[[ DATA TO USE, beginning ]]
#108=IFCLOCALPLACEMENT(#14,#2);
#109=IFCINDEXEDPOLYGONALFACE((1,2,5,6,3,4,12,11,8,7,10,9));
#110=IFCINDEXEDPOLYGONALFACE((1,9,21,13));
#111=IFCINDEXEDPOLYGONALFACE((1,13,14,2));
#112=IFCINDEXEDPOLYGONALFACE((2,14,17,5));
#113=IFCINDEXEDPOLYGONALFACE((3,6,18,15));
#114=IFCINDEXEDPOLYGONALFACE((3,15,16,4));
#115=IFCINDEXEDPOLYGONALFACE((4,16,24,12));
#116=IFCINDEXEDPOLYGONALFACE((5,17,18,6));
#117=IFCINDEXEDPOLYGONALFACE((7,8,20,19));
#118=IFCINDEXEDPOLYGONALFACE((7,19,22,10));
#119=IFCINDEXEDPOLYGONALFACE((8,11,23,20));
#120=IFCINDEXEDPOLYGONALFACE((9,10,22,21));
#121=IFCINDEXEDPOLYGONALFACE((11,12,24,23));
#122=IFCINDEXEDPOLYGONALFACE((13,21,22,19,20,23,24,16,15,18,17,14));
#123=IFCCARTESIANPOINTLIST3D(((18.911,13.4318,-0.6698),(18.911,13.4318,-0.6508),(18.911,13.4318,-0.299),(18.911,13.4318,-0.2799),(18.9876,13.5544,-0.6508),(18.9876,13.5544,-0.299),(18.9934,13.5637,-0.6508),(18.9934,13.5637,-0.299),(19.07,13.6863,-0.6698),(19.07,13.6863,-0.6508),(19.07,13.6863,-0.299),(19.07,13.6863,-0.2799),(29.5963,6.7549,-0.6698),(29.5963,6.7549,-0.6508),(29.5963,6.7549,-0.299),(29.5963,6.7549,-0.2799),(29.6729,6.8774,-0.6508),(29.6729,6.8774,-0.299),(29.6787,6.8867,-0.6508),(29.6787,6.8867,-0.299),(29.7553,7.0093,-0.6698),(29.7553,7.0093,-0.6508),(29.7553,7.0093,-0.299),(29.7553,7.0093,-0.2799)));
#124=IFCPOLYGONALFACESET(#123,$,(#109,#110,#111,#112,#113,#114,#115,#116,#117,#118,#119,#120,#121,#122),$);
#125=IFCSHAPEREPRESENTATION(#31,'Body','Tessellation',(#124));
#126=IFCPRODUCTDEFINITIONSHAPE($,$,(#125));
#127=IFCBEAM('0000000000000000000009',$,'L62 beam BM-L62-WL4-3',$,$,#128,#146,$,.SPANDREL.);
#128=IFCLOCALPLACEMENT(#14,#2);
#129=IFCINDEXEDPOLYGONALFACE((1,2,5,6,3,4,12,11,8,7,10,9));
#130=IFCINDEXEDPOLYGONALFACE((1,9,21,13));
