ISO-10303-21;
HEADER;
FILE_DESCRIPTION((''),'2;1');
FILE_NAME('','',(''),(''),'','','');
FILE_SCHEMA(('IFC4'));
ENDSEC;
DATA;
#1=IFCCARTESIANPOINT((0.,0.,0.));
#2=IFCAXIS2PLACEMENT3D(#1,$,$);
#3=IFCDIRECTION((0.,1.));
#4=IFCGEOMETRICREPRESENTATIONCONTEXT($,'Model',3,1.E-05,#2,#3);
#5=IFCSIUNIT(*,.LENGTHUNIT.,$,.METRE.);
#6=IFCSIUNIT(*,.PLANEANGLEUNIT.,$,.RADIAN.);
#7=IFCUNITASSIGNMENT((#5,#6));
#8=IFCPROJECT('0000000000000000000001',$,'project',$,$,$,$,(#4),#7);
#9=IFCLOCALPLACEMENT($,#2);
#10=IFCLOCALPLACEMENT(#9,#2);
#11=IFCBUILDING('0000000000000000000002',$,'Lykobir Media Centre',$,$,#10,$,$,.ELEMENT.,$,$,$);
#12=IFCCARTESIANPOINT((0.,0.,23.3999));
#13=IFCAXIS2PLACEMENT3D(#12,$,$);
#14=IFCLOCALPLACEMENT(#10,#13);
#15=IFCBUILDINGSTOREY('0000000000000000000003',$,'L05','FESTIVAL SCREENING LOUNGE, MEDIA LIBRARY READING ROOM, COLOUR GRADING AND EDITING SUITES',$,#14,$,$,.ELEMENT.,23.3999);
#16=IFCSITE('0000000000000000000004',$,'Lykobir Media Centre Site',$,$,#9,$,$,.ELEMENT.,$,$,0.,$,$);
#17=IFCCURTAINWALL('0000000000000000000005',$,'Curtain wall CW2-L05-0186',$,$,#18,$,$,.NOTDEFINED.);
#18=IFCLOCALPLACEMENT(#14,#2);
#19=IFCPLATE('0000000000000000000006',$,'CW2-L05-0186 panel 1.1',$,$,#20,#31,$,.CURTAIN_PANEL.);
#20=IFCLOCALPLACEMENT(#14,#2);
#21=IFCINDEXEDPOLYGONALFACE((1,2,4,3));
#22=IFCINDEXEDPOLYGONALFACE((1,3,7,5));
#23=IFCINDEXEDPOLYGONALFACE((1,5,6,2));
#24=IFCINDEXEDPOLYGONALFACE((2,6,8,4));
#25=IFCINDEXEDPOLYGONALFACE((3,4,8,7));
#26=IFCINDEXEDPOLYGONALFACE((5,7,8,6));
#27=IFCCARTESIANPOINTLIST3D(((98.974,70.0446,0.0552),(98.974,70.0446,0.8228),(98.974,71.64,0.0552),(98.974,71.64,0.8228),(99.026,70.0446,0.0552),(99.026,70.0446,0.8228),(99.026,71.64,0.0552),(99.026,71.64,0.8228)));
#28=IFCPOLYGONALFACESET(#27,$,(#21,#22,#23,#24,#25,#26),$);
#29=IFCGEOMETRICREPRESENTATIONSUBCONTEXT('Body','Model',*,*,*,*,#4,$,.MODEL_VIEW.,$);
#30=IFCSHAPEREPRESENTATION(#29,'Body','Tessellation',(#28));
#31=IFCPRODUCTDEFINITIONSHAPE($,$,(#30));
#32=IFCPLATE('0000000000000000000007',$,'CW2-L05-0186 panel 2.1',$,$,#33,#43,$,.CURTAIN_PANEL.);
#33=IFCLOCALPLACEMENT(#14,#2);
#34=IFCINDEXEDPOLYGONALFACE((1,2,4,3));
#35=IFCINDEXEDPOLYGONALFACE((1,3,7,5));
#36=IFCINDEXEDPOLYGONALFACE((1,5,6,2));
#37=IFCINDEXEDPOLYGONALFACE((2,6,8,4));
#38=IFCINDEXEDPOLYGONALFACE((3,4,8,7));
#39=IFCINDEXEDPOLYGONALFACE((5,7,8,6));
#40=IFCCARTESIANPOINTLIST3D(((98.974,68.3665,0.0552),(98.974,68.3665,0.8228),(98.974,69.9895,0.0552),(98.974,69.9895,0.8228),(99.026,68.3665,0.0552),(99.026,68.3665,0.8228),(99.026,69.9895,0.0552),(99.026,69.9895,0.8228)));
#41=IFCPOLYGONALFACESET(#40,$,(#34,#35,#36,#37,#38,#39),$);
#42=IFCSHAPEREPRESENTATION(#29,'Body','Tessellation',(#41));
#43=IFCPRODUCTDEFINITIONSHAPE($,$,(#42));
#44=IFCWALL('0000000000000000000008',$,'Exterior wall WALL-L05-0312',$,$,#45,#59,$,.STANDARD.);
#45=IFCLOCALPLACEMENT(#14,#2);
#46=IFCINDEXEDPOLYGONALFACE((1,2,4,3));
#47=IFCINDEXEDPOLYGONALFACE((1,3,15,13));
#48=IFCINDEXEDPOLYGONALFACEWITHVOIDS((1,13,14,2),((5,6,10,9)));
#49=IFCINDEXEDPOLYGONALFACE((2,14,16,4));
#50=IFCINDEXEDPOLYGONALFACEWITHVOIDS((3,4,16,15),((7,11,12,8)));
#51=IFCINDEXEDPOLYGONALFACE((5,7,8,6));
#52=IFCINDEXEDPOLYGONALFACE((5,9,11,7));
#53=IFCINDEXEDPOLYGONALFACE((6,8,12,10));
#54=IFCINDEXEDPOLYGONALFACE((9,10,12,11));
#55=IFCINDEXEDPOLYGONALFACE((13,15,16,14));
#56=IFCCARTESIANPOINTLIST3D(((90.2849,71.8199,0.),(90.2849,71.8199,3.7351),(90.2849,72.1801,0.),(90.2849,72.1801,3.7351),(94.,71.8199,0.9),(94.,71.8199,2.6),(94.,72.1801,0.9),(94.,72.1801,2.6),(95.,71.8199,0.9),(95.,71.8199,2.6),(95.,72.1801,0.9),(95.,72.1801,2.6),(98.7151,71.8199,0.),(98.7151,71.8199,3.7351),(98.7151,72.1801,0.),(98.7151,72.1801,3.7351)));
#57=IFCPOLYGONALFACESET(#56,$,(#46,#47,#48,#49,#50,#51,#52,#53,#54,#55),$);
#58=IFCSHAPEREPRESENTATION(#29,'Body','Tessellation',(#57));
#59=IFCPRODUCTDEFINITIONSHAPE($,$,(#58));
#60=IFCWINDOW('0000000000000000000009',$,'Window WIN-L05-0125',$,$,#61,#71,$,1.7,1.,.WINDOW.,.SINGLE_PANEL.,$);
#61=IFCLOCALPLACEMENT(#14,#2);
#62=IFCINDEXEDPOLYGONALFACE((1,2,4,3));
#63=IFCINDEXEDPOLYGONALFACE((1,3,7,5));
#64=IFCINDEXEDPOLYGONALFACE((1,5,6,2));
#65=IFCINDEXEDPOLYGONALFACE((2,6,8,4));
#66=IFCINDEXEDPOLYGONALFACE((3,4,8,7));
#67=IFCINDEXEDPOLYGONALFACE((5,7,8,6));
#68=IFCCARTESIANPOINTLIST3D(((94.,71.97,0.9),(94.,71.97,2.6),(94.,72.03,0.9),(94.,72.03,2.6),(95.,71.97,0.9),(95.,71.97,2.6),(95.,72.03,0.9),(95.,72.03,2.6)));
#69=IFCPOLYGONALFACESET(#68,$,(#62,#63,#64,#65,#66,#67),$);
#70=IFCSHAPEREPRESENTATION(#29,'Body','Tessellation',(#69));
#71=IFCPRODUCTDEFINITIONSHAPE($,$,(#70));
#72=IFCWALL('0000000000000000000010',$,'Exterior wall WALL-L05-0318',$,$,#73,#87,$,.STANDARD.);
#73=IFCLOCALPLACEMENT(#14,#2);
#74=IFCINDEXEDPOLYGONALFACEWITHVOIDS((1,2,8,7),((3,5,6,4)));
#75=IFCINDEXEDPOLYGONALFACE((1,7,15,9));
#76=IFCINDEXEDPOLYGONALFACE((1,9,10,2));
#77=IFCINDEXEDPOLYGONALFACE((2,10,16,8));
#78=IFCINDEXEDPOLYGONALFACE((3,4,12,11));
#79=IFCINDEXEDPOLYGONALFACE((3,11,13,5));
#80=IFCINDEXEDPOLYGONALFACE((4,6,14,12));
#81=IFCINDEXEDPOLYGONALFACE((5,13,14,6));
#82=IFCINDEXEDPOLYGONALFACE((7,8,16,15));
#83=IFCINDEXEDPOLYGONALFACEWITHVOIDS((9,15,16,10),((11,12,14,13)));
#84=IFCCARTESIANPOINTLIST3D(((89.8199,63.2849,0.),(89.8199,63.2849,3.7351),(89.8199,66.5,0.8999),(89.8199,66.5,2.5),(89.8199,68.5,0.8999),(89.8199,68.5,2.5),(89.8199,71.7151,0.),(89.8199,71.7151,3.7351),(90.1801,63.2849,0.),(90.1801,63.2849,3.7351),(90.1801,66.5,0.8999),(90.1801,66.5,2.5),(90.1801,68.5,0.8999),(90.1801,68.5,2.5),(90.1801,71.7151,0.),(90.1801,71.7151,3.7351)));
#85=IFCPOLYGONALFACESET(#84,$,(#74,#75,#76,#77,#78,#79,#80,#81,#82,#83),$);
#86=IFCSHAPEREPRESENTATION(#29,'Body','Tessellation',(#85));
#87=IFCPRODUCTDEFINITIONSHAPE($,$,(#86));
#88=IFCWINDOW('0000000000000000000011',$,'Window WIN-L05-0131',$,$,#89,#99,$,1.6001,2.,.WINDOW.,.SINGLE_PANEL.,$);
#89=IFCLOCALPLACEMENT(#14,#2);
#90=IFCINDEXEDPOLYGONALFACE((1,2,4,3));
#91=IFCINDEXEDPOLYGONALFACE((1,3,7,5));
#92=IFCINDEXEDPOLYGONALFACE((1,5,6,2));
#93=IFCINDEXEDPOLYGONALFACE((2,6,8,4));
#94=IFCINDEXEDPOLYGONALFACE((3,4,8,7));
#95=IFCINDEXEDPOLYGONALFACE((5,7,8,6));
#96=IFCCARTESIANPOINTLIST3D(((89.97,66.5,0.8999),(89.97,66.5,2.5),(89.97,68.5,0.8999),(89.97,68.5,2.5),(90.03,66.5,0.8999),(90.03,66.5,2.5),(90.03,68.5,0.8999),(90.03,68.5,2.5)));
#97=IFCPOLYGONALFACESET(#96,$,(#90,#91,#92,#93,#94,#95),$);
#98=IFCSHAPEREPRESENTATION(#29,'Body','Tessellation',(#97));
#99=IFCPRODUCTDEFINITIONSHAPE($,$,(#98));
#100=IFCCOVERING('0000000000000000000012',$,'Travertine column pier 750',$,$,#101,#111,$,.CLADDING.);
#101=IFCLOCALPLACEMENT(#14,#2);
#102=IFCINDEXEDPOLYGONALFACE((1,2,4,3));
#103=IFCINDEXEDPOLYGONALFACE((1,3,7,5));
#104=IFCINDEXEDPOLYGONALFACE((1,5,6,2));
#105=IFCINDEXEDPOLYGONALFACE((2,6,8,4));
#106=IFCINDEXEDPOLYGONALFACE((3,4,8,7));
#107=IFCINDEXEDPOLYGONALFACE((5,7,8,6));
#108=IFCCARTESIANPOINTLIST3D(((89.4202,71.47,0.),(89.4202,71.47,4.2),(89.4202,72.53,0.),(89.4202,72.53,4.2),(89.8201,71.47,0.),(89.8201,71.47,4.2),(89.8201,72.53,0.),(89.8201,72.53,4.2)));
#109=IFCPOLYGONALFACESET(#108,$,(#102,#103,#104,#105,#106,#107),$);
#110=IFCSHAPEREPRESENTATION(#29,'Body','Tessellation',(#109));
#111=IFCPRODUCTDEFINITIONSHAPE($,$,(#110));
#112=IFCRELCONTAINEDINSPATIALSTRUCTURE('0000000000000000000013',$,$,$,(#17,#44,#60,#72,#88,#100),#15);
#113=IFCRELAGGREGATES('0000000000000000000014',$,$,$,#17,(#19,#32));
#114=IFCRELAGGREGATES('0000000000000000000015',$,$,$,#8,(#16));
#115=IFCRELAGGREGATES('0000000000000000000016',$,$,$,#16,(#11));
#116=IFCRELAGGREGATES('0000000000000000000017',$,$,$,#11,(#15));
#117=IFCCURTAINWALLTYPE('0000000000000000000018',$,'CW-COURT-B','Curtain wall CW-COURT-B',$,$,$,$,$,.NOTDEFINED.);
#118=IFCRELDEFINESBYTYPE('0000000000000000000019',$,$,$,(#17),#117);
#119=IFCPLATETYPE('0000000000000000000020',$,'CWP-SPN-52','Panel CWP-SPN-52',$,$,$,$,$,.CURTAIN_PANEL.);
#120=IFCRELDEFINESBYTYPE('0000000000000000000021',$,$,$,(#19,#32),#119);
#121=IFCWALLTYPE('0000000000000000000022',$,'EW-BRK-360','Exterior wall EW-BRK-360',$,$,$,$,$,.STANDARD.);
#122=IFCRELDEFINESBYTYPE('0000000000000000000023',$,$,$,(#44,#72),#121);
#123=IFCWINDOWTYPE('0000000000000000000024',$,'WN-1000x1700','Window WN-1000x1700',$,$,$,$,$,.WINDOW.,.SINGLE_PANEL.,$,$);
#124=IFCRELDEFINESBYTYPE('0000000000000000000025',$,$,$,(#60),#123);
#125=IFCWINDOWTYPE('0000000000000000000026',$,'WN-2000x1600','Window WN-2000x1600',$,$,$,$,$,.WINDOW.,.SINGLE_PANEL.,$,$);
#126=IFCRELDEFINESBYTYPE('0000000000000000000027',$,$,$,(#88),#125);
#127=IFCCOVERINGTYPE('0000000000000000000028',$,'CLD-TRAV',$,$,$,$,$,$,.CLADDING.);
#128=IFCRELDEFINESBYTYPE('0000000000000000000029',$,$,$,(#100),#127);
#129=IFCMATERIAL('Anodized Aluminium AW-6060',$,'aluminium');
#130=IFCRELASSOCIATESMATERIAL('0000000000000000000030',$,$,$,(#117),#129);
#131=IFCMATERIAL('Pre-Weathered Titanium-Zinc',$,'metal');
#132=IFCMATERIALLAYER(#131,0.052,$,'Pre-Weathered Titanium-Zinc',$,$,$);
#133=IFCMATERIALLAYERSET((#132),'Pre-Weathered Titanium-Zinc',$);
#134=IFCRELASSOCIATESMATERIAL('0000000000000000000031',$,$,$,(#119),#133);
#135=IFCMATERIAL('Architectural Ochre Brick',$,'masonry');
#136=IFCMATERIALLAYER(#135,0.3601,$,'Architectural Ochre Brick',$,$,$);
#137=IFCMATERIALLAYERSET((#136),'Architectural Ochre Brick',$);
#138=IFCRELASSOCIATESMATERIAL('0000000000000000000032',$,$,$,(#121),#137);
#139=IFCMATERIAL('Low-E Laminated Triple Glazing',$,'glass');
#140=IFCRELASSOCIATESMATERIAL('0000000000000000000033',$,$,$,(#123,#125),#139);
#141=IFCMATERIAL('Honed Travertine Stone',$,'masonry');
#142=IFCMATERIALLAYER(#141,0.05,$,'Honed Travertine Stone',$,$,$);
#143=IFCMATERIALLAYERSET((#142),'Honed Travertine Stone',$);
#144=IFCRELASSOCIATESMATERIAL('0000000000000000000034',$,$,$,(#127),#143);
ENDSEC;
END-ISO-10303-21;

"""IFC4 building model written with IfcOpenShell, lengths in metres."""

from ifc_helpers import new_model, si_unit, direction, frame, frame_2d, origin, origin_2d, place, context, subcontext, project, spatial, rectangle, extrude, material, layer, layer_set, type_object, element, fill, aggregate, save


model = new_model("IFC4")

# Units and contexts
model_context = context("Model", 3, precision=1e-05, world=origin(), true_north=direction((0.0, 1.0)))
body_context = subcontext(model_context, "Body", "Model", "MODEL_VIEW")
ifc_project = project(units=[si_unit("LENGTHUNIT", "METRE"), si_unit("PLANEANGLEUNIT", "RADIAN")], contexts=[model_context])

# Site, building, storey
site_placement = place(None, origin())
site = spatial("IfcSite", under=ifc_project, at=site_placement, Name="Lykobir Media Centre Site", CompositionType="ELEMENT", RefElevation=0.0)
building_placement = place(site_placement, origin())
building = spatial("IfcBuilding", under=site, at=building_placement, Name="Lykobir Media Centre", CompositionType="ELEMENT")
storey_placement = place(building_placement, frame((0.0, 0.0, 23.3999)))
storey = spatial("IfcBuildingStorey", under=building, at=storey_placement, Name="L05", Description="FESTIVAL SCREENING LOUNGE, MEDIA LIBRARY READING ROOM, COLOUR GRADING AND EDITING SUITES", CompositionType="ELEMENT", Elevation=23.3999)

# Curtain wall
ifc_material_1 = material(Name="Anodized Aluminium AW-6060", Category="aluminium")
curtain_wall_type = type_object("IfcCurtainWallType", Name="CW-COURT-B", Description="Curtain wall CW-COURT-B", PredefinedType="NOTDEFINED", material=ifc_material_1)
curtain_wall_placement = place(storey_placement, origin())
curtain_wall = element("IfcCurtainWall", 1, at=curtain_wall_placement, inside=storey, type_object=curtain_wall_type, Name="Curtain wall CW2-L05-0186", PredefinedType="NOTDEFINED")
[[ DATA TO USE, end ]]
▸ **ACTION ITEM**: Using the records above, restate word for word the lines from the one with "#41=IFCPOLYGONALFACESET(#40,$,(#34,#35,#36,#37,#38,#39),$);" through the one with "#46=IFCINDEXEDPOLYGONALFACE((1,2,4,3));", both included.

▸ **PROBLEM SOLUTION**:
#41=IFCPOLYGONALFACESET(#40,$,(#34,#35,#36,#37,#38,#39),$);
#42=IFCSHAPEREPRESENTATION(#29,'Body','Tessellation',(#41));
#43=IFCPRODUCTDEFINITIONSHAPE($,$,(#42));
#44=IFCWALL('0000000000000000000008',$,'Exterior wall WALL-L05-0312',$,$,#45,#59,$,.STANDARD.);
#45=IFCLOCALPLACEMENT(#14,#2);
#46=IFCINDEXEDPOLYGONALFACE((1,2,4,3));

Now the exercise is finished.